=== Section Start ===

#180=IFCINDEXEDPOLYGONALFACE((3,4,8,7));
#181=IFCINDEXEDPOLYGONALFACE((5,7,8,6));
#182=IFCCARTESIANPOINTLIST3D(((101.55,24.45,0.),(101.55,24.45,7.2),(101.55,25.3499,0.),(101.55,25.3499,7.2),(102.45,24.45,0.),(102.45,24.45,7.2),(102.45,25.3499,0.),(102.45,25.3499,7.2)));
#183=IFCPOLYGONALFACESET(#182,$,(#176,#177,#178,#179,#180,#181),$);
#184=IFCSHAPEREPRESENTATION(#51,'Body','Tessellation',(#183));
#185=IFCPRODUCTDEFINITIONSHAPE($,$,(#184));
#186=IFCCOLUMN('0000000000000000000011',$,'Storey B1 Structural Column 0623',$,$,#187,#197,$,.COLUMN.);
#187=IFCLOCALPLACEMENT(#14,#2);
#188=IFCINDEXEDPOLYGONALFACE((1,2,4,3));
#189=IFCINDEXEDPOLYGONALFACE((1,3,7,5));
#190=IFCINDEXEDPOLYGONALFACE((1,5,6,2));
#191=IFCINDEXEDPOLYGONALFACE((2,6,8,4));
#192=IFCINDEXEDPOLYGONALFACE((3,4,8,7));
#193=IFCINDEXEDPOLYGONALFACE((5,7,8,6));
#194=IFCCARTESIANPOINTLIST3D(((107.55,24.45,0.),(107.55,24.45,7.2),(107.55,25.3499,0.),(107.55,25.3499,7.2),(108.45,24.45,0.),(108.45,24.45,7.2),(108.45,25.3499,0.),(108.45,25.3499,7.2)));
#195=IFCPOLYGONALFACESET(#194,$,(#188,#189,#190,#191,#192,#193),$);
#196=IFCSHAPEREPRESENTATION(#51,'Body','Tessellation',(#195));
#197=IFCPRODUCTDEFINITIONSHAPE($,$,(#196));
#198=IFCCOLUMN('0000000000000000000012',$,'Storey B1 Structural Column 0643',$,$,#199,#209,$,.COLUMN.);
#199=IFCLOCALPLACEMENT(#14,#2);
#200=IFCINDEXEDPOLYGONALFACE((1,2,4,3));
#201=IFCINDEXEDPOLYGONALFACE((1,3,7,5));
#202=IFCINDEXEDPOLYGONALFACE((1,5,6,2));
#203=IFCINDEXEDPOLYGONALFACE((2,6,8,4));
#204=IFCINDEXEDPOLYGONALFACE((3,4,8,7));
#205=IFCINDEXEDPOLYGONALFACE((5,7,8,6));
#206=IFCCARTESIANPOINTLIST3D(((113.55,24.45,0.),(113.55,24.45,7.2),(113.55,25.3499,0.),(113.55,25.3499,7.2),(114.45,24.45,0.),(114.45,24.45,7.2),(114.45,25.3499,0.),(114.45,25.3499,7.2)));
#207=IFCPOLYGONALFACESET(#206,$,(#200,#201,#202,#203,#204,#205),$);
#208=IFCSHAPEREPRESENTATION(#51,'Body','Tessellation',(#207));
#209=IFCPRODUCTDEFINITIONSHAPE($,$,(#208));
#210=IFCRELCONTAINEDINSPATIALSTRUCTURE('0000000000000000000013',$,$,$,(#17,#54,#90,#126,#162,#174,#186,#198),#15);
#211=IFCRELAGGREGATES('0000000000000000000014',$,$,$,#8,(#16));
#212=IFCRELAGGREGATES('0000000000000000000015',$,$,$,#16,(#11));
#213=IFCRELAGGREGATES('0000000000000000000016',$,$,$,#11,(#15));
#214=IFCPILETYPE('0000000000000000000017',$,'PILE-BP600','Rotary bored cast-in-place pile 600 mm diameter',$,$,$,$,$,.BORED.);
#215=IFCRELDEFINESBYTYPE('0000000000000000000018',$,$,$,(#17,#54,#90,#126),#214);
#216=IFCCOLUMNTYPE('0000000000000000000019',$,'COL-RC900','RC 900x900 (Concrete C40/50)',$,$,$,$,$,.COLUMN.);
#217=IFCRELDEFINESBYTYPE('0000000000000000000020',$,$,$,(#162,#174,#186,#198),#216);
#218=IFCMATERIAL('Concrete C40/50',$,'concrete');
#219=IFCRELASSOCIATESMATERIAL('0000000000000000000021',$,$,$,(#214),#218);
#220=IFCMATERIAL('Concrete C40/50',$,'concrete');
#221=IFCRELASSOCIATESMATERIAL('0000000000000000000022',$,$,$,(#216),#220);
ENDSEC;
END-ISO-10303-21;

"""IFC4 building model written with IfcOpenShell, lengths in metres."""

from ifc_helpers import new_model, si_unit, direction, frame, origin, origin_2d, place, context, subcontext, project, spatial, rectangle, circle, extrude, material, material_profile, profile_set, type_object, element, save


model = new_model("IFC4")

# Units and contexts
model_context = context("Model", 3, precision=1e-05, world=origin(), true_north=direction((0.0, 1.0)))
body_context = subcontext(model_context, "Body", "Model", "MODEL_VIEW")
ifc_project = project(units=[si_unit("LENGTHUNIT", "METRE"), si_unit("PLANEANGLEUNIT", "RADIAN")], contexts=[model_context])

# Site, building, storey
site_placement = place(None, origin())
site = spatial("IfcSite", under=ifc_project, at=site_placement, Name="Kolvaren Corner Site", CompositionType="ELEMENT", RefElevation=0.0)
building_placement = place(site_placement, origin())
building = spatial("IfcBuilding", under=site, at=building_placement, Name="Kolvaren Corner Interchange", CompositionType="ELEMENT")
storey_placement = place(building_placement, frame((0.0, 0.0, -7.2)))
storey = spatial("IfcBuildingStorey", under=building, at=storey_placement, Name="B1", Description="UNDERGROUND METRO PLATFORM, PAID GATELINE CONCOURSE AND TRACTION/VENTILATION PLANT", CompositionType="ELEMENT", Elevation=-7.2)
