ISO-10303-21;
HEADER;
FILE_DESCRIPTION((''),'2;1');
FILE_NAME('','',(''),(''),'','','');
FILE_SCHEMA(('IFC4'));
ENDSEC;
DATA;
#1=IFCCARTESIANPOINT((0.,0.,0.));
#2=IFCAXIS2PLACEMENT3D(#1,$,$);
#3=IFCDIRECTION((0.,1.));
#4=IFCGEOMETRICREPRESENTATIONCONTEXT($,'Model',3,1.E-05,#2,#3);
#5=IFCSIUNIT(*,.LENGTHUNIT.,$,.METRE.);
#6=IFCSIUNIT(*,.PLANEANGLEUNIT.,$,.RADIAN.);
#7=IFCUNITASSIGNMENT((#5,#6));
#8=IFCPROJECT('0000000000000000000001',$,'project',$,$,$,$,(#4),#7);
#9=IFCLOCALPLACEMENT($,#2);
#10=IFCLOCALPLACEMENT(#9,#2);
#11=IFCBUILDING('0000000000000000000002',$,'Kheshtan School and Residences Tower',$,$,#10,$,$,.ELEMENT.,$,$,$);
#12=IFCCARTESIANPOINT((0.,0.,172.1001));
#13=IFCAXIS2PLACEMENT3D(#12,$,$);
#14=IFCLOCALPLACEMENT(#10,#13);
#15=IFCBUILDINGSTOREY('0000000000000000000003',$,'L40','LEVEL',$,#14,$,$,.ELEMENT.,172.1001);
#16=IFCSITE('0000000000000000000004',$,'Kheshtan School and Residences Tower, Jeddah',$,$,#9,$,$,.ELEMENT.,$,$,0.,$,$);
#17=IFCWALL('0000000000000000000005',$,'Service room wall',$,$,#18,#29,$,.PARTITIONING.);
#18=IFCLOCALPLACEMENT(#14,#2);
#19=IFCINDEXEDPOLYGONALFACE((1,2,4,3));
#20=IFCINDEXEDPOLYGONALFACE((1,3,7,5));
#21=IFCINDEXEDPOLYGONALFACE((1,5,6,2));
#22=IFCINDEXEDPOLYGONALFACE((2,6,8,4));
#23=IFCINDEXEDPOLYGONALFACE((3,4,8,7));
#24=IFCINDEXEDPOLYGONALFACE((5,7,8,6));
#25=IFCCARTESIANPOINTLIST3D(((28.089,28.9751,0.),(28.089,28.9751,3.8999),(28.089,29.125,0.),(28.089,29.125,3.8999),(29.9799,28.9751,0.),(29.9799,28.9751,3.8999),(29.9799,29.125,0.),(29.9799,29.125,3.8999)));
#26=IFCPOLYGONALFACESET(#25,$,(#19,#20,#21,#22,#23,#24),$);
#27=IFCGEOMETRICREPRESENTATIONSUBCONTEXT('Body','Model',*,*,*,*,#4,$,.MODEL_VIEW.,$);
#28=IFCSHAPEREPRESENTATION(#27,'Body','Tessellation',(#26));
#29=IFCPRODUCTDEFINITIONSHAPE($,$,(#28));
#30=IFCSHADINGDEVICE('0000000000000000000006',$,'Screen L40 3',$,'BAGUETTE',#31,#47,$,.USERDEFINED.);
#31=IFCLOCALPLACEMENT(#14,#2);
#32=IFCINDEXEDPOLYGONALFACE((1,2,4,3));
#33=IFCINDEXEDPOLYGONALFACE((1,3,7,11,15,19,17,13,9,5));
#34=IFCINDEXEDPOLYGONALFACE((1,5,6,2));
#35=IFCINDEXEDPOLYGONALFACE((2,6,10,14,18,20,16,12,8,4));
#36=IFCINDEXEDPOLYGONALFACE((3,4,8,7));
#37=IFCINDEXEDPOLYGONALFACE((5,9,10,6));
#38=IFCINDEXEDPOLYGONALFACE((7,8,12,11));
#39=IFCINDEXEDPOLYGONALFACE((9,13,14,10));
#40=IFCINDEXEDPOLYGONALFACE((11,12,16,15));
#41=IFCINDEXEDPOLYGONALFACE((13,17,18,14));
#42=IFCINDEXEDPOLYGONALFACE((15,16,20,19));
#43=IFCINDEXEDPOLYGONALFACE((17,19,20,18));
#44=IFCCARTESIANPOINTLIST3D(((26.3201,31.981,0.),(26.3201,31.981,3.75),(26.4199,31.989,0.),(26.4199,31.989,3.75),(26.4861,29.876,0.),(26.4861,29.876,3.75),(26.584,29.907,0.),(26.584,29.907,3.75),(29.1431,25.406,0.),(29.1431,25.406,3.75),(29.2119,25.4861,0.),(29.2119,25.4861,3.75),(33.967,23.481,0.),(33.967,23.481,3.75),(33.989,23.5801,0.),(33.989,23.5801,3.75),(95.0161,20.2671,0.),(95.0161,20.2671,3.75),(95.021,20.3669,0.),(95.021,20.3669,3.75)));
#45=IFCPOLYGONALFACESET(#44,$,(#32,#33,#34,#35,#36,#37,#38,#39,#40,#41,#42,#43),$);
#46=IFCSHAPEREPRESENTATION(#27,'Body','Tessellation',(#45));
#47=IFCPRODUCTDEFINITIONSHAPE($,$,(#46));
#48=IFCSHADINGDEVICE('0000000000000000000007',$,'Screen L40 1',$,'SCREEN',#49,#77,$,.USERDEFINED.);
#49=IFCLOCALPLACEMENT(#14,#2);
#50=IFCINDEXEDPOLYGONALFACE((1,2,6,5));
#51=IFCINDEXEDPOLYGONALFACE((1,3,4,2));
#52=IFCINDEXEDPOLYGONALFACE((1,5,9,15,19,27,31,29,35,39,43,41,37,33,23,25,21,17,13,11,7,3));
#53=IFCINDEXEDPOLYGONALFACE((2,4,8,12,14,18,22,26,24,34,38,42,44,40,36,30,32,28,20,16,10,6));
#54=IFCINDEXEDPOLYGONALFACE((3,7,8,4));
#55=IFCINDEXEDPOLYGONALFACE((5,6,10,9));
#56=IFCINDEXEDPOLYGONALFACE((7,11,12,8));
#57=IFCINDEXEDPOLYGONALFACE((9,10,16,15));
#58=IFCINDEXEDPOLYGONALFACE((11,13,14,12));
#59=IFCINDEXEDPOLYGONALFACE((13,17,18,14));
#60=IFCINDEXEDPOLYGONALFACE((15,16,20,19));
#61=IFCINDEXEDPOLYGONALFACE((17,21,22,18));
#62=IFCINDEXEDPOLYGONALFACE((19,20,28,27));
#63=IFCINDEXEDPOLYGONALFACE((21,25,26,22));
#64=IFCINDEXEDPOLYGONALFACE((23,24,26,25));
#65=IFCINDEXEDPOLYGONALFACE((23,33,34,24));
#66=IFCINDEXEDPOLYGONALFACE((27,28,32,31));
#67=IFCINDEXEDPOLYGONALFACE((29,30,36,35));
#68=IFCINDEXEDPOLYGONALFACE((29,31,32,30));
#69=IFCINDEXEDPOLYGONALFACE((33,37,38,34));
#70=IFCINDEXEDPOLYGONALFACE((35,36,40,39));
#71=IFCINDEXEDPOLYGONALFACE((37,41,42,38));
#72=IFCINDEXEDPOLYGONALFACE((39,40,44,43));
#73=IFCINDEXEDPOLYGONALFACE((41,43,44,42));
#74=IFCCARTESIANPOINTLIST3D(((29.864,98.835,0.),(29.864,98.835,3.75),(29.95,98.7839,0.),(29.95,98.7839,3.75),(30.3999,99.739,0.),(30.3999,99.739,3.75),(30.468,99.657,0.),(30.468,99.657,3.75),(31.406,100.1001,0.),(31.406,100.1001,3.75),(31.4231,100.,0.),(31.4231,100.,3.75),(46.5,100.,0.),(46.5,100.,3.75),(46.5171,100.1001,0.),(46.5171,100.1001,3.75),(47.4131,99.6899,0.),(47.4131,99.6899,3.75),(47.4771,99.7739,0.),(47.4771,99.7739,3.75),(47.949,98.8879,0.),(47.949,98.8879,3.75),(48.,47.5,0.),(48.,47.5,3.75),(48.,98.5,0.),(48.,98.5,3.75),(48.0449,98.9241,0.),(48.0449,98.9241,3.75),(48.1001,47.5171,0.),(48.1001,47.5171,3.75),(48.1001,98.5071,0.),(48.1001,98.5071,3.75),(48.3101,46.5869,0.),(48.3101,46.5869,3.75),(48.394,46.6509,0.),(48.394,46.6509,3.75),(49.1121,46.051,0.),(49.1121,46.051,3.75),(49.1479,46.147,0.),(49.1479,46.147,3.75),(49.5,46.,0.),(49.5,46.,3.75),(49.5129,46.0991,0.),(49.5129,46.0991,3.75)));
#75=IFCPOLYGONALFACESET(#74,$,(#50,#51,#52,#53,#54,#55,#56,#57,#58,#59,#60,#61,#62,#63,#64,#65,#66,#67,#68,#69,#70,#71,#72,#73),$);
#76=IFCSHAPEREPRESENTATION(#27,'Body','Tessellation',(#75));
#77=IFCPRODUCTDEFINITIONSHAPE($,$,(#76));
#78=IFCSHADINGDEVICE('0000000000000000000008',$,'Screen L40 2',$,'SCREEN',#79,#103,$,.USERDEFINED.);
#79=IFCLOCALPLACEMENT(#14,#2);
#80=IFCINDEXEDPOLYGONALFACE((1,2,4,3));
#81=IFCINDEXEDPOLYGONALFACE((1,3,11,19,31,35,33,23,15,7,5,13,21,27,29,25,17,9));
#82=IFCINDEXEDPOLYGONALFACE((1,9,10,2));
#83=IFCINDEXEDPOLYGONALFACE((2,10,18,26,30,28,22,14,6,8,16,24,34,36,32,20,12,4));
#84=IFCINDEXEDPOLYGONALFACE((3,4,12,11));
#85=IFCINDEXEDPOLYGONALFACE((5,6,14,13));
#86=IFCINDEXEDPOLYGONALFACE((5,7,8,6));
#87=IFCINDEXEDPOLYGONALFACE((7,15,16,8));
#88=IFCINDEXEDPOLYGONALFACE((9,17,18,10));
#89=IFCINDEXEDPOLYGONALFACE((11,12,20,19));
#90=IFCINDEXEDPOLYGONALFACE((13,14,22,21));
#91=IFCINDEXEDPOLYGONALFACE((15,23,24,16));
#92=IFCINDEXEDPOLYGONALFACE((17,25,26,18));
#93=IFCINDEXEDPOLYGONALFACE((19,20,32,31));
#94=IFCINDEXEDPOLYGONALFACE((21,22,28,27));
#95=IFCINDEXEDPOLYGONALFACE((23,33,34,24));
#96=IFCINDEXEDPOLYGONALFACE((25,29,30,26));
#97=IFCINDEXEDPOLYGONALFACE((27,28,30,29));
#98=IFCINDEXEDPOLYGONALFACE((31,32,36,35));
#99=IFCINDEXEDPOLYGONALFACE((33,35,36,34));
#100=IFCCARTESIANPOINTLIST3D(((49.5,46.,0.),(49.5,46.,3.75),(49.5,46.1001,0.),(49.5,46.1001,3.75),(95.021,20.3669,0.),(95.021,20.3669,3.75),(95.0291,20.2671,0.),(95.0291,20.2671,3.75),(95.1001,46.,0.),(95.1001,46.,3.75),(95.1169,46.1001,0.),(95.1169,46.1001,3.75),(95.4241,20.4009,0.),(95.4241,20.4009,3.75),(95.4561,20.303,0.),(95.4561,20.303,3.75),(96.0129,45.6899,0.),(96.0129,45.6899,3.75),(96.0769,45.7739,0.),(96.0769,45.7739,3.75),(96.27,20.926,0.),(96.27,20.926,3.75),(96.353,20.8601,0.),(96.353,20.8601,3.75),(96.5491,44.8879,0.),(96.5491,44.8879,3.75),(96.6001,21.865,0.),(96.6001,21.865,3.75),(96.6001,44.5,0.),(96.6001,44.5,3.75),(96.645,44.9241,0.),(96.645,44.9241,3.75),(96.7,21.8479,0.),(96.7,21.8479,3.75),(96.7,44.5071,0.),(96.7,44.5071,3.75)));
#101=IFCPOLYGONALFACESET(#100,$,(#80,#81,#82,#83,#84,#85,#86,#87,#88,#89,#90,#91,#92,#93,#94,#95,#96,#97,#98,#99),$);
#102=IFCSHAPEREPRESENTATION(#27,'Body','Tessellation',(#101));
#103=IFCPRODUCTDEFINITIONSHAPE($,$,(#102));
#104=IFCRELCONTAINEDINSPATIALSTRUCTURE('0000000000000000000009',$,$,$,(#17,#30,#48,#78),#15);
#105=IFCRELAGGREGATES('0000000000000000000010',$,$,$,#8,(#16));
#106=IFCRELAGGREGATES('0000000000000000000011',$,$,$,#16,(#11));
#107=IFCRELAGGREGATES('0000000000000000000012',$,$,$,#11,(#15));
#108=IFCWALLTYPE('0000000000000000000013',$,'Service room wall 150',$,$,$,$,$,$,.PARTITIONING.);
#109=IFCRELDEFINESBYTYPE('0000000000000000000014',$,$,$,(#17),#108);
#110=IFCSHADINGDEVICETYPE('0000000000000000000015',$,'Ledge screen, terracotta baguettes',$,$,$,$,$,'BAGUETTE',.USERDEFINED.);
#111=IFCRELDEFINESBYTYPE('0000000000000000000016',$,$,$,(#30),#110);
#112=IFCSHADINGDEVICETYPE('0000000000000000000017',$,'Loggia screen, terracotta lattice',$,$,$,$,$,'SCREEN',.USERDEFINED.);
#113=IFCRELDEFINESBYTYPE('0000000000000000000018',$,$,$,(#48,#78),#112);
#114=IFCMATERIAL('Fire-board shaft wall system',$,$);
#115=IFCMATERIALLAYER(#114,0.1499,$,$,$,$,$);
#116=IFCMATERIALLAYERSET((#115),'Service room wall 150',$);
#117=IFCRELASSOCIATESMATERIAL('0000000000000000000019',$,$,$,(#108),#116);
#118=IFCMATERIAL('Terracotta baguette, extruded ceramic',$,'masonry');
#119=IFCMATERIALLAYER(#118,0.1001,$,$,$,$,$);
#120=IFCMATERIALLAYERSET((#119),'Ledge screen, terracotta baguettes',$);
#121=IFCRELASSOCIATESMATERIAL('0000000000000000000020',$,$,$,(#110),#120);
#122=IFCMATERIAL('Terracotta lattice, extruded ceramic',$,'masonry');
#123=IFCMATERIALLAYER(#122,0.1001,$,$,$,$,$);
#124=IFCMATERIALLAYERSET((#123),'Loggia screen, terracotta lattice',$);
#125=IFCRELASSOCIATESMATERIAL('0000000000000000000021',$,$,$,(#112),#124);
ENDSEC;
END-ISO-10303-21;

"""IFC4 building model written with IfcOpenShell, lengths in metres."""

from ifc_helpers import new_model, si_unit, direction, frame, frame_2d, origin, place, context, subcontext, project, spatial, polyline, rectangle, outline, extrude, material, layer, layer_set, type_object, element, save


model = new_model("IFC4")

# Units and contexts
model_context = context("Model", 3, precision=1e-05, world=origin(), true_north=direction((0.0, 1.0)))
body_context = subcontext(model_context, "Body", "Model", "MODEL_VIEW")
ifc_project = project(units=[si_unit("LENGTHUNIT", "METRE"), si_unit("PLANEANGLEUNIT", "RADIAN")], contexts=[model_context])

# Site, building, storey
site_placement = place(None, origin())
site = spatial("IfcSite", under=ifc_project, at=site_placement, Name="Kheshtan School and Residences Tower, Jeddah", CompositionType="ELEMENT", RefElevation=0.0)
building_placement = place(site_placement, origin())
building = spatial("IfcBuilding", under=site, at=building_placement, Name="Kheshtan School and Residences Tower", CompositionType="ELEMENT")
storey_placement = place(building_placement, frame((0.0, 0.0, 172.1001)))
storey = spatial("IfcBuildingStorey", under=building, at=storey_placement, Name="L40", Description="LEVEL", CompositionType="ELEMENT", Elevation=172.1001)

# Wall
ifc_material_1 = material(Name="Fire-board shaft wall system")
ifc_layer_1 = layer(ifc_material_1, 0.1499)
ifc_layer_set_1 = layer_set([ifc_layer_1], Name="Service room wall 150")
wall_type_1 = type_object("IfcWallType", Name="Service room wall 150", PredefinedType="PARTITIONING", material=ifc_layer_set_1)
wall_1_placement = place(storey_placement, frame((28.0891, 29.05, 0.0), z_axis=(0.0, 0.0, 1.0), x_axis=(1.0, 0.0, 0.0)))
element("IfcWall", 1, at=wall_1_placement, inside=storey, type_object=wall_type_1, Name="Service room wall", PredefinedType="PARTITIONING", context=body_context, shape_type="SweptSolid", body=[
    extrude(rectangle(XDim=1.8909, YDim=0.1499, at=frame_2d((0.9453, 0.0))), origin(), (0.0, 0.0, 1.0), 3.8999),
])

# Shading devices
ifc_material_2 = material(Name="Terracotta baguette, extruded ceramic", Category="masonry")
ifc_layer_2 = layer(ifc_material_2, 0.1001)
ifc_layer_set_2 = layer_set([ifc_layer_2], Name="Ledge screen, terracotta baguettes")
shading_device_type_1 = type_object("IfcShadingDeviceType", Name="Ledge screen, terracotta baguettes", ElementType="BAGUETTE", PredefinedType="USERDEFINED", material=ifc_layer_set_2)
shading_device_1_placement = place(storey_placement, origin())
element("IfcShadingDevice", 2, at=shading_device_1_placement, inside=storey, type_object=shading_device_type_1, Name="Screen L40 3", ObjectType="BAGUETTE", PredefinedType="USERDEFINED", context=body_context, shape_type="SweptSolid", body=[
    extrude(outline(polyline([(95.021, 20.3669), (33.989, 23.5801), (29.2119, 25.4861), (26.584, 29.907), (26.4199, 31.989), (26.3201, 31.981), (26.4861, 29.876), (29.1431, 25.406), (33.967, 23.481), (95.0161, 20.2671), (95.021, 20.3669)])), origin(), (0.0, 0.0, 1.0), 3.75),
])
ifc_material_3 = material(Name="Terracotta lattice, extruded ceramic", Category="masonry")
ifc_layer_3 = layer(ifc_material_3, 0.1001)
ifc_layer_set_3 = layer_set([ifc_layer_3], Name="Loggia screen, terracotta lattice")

=== Section End ===

**EXERCISE INSTRUCTIONS**
Your reply should hold only the lines from the first line of the records through the one with "#190=IFCINDEXEDPOLYGONALFACE((1,5,6,2));", reproduced word for word.

**TASK SOLUTION**
#180=IFCINDEXEDPOLYGONALFACE((3,4,8,7));
#181=IFCINDEXEDPOLYGONALFACE((5,7,8,6));
#182=IFCCARTESIANPOINTLIST3D(((101.55,24.45,0.),(101.55,24.45,7.2),(101.55,25.3499,0.),(101.55,25.3499,7.2),(102.45,24.45,0.),(102.45,24.45,7.2),(102.45,25.3499,0.),(102.45,25.3499,7.2)));
#183=IFCPOLYGONALFACESET(#182,$,(#176,#177,#178,#179,#180,#181),$);
#184=IFCSHAPEREPRESENTATION(#51,'Body','Tessellation',(#183));
#185=IFCPRODUCTDEFINITIONSHAPE($,$,(#184));
#186=IFCCOLUMN('0000000000000000000011',$,'Storey B1 Structural Column 0623',$,$,#187,#197,$,.COLUMN.);
#187=IFCLOCALPLACEMENT(#14,#2);
#188=IFCINDEXEDPOLYGONALFACE((1,2,4,3));
#189=IFCINDEXEDPOLYGONALFACE((1,3,7,5));
#190=IFCINDEXEDPOLYGONALFACE((1,5,6,2));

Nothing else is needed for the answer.